--- TASK BRIEF ---
In the records below, find the line holding "#65=IFCPRODUCTDEFINITIONSHAPE($,$,(#64));" and the line holding "#73=IFCINDEXEDPOLYGONALFACE((5,7,8,6));". Set down both, with every line between them, exactly.
::: DATA LISTING
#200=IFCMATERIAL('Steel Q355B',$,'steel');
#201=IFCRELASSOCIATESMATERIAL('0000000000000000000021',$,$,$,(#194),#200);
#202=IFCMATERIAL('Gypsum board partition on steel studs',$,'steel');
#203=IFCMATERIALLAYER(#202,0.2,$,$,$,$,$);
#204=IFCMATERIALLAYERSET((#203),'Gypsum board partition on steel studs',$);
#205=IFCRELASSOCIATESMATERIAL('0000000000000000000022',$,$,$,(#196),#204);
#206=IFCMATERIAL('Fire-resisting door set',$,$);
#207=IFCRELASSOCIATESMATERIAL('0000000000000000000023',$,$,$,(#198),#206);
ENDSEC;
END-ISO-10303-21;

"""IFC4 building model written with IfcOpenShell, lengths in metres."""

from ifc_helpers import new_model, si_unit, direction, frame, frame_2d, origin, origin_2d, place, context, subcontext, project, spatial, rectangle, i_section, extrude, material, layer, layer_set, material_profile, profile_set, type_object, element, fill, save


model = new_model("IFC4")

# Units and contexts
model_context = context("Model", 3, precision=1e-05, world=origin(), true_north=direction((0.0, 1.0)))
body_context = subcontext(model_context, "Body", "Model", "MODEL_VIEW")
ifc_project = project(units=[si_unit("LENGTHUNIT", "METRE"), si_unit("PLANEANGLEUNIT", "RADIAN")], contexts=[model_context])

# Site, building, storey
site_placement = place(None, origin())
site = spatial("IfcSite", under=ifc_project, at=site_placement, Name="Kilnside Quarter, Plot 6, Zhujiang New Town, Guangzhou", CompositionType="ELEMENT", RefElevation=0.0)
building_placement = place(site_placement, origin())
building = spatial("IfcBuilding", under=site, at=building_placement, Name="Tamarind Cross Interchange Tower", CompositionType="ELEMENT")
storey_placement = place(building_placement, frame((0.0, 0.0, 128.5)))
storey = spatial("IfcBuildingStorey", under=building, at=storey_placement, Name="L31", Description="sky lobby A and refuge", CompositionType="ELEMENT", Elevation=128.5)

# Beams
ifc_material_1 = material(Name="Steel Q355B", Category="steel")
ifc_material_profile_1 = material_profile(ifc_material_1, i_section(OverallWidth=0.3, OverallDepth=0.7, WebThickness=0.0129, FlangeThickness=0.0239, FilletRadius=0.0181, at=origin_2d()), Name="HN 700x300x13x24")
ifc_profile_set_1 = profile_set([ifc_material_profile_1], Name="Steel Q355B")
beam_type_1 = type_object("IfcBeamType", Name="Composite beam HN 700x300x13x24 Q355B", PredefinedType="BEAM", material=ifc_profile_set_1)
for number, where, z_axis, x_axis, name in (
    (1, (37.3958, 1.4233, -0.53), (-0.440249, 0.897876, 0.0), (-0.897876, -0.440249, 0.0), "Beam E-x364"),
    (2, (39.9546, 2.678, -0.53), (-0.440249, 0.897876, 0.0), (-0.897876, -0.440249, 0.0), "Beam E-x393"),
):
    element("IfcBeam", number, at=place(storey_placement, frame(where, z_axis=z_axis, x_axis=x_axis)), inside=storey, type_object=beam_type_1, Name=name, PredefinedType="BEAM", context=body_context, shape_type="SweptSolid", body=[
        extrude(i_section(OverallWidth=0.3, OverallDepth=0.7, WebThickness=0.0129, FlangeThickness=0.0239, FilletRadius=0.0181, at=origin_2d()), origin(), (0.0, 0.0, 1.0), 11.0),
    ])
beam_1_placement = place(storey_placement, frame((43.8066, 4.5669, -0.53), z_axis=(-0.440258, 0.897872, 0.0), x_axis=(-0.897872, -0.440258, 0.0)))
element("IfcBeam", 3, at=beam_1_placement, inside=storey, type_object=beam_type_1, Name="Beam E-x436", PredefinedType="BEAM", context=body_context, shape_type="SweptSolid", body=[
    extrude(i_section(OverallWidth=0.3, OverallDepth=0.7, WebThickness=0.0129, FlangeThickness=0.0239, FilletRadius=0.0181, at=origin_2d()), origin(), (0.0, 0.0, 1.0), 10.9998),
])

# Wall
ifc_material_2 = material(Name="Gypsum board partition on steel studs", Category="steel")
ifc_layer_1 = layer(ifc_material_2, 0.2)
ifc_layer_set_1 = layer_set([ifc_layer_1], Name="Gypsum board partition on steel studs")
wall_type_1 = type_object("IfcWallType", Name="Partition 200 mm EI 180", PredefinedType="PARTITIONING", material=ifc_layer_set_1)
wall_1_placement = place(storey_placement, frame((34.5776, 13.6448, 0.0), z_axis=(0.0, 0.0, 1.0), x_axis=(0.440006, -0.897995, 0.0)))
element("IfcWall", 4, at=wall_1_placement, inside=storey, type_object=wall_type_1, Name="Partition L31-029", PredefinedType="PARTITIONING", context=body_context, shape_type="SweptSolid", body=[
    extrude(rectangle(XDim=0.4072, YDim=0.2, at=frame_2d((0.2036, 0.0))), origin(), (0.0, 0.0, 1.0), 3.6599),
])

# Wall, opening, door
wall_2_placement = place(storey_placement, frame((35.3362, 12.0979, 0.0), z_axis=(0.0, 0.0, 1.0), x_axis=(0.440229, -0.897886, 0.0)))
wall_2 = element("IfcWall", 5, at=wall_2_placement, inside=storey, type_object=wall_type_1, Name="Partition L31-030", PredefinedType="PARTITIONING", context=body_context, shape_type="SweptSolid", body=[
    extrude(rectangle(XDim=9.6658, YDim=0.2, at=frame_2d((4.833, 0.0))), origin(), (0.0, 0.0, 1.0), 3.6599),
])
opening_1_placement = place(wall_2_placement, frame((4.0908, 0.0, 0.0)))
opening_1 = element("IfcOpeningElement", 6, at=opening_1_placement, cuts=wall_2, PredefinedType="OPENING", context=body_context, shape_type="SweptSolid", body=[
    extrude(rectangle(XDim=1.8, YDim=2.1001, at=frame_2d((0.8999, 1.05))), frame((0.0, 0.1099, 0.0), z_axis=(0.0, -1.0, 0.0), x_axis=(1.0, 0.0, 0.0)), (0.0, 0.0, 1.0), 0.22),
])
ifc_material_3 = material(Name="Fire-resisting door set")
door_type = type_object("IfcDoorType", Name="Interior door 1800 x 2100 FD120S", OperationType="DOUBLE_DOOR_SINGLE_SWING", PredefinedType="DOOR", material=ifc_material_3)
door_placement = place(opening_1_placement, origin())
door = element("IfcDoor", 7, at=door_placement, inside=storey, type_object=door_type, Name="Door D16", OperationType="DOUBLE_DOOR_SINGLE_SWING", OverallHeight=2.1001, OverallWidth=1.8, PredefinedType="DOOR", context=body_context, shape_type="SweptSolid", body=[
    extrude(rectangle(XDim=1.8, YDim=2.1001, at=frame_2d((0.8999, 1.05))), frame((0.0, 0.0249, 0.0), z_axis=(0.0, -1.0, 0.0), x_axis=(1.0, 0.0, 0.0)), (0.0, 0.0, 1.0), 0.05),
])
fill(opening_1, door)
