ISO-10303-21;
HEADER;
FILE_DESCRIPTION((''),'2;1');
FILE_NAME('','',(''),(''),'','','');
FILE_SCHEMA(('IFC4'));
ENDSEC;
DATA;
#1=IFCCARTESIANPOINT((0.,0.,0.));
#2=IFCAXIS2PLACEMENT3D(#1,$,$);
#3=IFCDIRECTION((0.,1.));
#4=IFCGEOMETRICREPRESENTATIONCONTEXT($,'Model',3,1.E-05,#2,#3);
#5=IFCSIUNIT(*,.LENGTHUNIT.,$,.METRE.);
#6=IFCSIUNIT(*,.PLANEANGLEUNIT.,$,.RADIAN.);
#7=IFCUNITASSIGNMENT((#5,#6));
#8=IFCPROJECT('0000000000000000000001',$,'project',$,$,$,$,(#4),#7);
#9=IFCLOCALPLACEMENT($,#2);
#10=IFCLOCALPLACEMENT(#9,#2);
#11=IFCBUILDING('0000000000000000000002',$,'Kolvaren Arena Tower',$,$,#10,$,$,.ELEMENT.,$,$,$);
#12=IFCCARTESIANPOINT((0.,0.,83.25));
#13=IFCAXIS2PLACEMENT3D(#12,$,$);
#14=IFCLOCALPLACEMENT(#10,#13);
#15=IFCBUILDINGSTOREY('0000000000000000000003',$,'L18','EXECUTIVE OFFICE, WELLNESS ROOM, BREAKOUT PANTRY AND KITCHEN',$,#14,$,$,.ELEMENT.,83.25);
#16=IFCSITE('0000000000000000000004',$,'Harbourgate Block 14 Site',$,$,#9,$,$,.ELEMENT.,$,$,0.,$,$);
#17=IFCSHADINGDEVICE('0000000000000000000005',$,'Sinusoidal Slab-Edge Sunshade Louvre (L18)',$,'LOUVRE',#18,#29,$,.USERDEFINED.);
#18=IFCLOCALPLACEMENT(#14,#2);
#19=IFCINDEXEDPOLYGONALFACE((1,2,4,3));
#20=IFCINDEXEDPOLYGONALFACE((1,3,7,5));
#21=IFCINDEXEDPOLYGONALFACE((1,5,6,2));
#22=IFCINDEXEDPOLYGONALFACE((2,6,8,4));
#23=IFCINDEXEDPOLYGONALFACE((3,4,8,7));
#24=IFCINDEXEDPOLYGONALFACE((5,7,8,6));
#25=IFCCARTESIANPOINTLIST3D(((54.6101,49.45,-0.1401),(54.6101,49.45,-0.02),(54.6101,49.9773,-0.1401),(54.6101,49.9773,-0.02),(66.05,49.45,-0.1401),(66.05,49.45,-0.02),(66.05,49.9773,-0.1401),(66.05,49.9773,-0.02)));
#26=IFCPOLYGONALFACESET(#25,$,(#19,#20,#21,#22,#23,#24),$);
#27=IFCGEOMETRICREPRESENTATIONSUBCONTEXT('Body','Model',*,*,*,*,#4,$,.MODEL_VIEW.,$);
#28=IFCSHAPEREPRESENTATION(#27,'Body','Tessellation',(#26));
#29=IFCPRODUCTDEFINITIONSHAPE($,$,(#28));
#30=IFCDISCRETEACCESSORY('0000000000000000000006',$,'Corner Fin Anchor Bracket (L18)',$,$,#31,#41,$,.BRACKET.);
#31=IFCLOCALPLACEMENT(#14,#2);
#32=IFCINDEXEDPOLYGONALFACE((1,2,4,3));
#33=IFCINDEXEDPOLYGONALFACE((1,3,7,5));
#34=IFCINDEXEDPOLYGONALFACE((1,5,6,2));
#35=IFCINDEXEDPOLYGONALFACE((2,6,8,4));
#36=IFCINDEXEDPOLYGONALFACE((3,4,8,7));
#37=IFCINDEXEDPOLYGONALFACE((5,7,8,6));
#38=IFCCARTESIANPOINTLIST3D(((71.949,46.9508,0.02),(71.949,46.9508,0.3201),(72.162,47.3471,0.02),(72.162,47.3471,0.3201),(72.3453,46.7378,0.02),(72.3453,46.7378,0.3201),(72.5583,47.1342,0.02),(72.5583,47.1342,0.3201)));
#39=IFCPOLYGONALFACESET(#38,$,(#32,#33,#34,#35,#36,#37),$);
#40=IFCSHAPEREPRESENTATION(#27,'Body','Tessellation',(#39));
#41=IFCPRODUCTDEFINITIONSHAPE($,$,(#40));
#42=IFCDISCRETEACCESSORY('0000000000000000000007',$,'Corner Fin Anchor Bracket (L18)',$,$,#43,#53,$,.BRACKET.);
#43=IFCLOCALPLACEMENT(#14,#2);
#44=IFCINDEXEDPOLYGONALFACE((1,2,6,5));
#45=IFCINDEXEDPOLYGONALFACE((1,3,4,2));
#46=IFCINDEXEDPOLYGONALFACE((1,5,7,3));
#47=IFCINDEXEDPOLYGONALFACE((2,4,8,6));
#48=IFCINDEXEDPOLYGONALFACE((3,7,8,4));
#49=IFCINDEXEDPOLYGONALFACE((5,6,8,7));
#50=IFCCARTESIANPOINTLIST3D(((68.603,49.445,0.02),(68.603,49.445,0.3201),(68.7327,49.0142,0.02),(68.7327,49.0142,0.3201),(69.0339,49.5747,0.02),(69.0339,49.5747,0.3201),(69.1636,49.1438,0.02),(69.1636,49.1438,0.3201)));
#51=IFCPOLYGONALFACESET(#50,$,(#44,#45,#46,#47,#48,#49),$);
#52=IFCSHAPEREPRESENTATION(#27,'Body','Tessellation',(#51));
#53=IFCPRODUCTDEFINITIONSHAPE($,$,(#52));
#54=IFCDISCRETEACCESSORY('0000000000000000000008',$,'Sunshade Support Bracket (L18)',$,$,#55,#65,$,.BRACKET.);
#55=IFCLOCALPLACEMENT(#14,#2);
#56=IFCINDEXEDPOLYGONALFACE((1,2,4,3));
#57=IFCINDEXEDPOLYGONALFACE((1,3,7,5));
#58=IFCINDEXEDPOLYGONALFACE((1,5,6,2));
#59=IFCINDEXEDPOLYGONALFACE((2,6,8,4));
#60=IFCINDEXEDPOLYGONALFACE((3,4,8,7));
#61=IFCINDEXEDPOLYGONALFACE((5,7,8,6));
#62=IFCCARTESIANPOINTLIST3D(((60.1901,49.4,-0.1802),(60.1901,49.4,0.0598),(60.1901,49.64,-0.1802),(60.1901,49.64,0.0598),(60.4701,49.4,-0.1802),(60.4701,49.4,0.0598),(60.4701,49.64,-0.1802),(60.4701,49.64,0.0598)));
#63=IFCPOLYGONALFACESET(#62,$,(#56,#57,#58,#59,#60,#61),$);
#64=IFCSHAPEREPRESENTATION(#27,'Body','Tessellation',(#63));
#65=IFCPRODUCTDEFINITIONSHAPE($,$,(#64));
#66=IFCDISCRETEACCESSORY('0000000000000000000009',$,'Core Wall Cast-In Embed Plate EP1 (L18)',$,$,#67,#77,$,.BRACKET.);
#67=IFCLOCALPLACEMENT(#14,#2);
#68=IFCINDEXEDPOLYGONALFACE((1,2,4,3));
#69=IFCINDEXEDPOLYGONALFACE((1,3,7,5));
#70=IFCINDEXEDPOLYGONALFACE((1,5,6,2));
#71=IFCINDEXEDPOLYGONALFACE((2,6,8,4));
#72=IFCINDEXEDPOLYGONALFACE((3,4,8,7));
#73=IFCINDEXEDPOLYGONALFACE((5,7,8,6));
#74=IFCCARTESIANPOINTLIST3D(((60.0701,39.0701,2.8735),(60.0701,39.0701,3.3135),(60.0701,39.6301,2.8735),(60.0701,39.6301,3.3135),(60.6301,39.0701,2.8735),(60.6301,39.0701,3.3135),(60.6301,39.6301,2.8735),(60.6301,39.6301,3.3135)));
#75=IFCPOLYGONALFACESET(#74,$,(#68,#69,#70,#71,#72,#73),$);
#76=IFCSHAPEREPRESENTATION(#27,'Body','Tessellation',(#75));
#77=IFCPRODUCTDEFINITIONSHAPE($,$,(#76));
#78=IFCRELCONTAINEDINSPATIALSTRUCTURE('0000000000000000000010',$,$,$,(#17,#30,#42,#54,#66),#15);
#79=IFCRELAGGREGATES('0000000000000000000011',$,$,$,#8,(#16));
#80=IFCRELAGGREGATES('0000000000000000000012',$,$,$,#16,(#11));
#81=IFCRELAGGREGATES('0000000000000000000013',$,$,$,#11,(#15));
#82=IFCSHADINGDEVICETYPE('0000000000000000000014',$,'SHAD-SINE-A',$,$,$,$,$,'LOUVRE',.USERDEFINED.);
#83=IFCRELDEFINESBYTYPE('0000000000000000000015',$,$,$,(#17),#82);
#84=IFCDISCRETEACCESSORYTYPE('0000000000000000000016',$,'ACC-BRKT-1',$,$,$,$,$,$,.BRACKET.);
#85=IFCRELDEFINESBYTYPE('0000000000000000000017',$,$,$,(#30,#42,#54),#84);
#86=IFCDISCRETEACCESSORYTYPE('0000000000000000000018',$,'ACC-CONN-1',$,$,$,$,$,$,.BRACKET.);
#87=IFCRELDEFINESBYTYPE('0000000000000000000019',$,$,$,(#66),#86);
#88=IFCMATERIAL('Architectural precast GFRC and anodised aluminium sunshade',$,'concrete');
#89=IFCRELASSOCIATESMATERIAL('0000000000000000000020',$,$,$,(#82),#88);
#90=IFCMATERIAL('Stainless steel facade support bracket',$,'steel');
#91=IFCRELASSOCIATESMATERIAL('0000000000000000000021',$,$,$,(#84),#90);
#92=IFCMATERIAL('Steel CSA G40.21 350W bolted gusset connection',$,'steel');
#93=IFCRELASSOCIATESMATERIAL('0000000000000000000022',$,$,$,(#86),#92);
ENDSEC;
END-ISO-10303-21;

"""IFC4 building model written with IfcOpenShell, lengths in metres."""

from ifc_helpers import new_model, si_unit, direction, frame, origin, origin_2d, place, context, subcontext, project, spatial, rectangle, extrude, material, type_object, element, save


model = new_model("IFC4")

# Units and contexts
model_context = context("Model", 3, precision=1e-05, world=origin(), true_north=direction((0.0, 1.0)))
body_context = subcontext(model_context, "Body", "Model", "MODEL_VIEW")
ifc_project = project(units=[si_unit("LENGTHUNIT", "METRE"), si_unit("PLANEANGLEUNIT", "RADIAN")], contexts=[model_context])

# Site, building, storey
site_placement = place(None, origin())
site = spatial("IfcSite", under=ifc_project, at=site_placement, Name="Harbourgate Block 14 Site", CompositionType="ELEMENT", RefElevation=0.0)
building_placement = place(site_placement, origin())
building = spatial("IfcBuilding", under=site, at=building_placement, Name="Kolvaren Arena Tower", CompositionType="ELEMENT")
storey_placement = place(building_placement, frame((0.0, 0.0, 83.25)))
storey = spatial("IfcBuildingStorey", under=building, at=storey_placement, Name="L18", Description="EXECUTIVE OFFICE, WELLNESS ROOM, BREAKOUT PANTRY AND KITCHEN", CompositionType="ELEMENT", Elevation=83.25)

# Shading device
ifc_material_1 = material(Name="Architectural precast GFRC and anodised aluminium sunshade", Category="concrete")
shading_device_type_1 = type_object("IfcShadingDeviceType", Name="SHAD-SINE-A", ElementType="LOUVRE", PredefinedType="USERDEFINED", material=ifc_material_1)
shading_device_placement = place(storey_placement, frame((60.3301, 49.7136, -0.1401), z_axis=(0.0, 0.0, 1.0), x_axis=(1.0, 0.0, 0.0)))
element("IfcShadingDevice", 1, at=shading_device_placement, inside=storey, type_object=shading_device_type_1, Name="Sinusoidal Slab-Edge Sunshade Louvre (L18)", ObjectType="LOUVRE", PredefinedType="USERDEFINED", context=body_context, shape_type="SweptSolid", body=[
    extrude(rectangle(XDim=11.4399, YDim=0.5273, at=origin_2d()), origin(), (0.0, 0.0, 1.0), 0.1201),
])

# Discrete accessories
ifc_material_2 = material(Name="Stainless steel facade support bracket", Category="steel")
discrete_accessory_type_1 = type_object("IfcDiscreteAccessoryType", Name="ACC-BRKT-1", PredefinedType="BRACKET", material=ifc_material_2)
for number, where, z_axis, x_axis, name in (
    (2, (72.2537, 47.0425, 0.02), (0.0, 0.0, 1.0), (0.473349, 0.880875, 0.0), "Corner Fin Anchor Bracket (L18)"),
    (3, (68.8833, 49.2944, 0.02), (0.0, 0.0, 1.0), (-0.288175, 0.957578, 0.0), "Corner Fin Anchor Bracket (L18)"),
):
    element("IfcDiscreteAccessory", number, at=place(storey_placement, frame(where, z_axis=z_axis, x_axis=x_axis)), inside=storey, type_object=discrete_accessory_type_1, Name=name, PredefinedType="BRACKET", context=body_context, shape_type="SweptSolid", body=[
        extrude(rectangle(XDim=0.45, YDim=0.45, at=origin_2d()), origin(), (0.0, 0.0, 1.0), 0.3),
    ])
discrete_accessory_1_placement = place(storey_placement, frame((60.3301, 49.52, -0.1802), z_axis=(0.0, 0.0, 1.0), x_axis=(1.0, 0.0, 0.0)))
element("IfcDiscreteAccessory", 4, at=discrete_accessory_1_placement, inside=storey, type_object=discrete_accessory_type_1, Name="Sunshade Support Bracket (L18)", PredefinedType="BRACKET", context=body_context, shape_type="SweptSolid", body=[
    extrude(rectangle(XDim=0.28, YDim=0.24, at=origin_2d()), origin(), (0.0, 0.0, 1.0), 0.24),
])
ifc_material_3 = material(Name="Steel CSA G40.21 350W bolted gusset connection", Category="steel")
discrete_accessory_type_2 = type_object("IfcDiscreteAccessoryType", Name="ACC-CONN-1", PredefinedType="BRACKET", material=ifc_material_3)
discrete_accessory_2_placement = place(storey_placement, frame((60.3501, 39.3501, 2.8735), z_axis=(0.0, 0.0, 1.0), x_axis=(1.0, 0.0, 0.0)))
element("IfcDiscreteAccessory", 5, at=discrete_accessory_2_placement, inside=storey, type_object=discrete_accessory_type_2, Name="Core Wall Cast-In Embed Plate EP1 (L18)", PredefinedType="BRACKET", context=body_context, shape_type="SweptSolid", body=[
    extrude(rectangle(XDim=0.5601, YDim=0.5601, at=origin_2d()), origin(), (0.0, 0.0, 1.0), 0.4399),
])

save(model, "model.ifc")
::::::
--- WRITTEN ANSWER ---
#65=IFCPRODUCTDEFINITIONSHAPE($,$,(#64));
#66=IFCDISCRETEACCESSORY('0000000000000000000009',$,'Core Wall Cast-In Embed Plate EP1 (L18)',$,$,#67,#77,$,.BRACKET.);
#67=IFCLOCALPLACEMENT(#14,#2);
#68=IFCINDEXEDPOLYGONALFACE((1,2,4,3));
#69=IFCINDEXEDPOLYGONALFACE((1,3,7,5));
#70=IFCINDEXEDPOLYGONALFACE((1,5,6,2));
#71=IFCINDEXEDPOLYGONALFACE((2,6,8,4));
#72=IFCINDEXEDPOLYGONALFACE((3,4,8,7));
#73=IFCINDEXEDPOLYGONALFACE((5,7,8,6));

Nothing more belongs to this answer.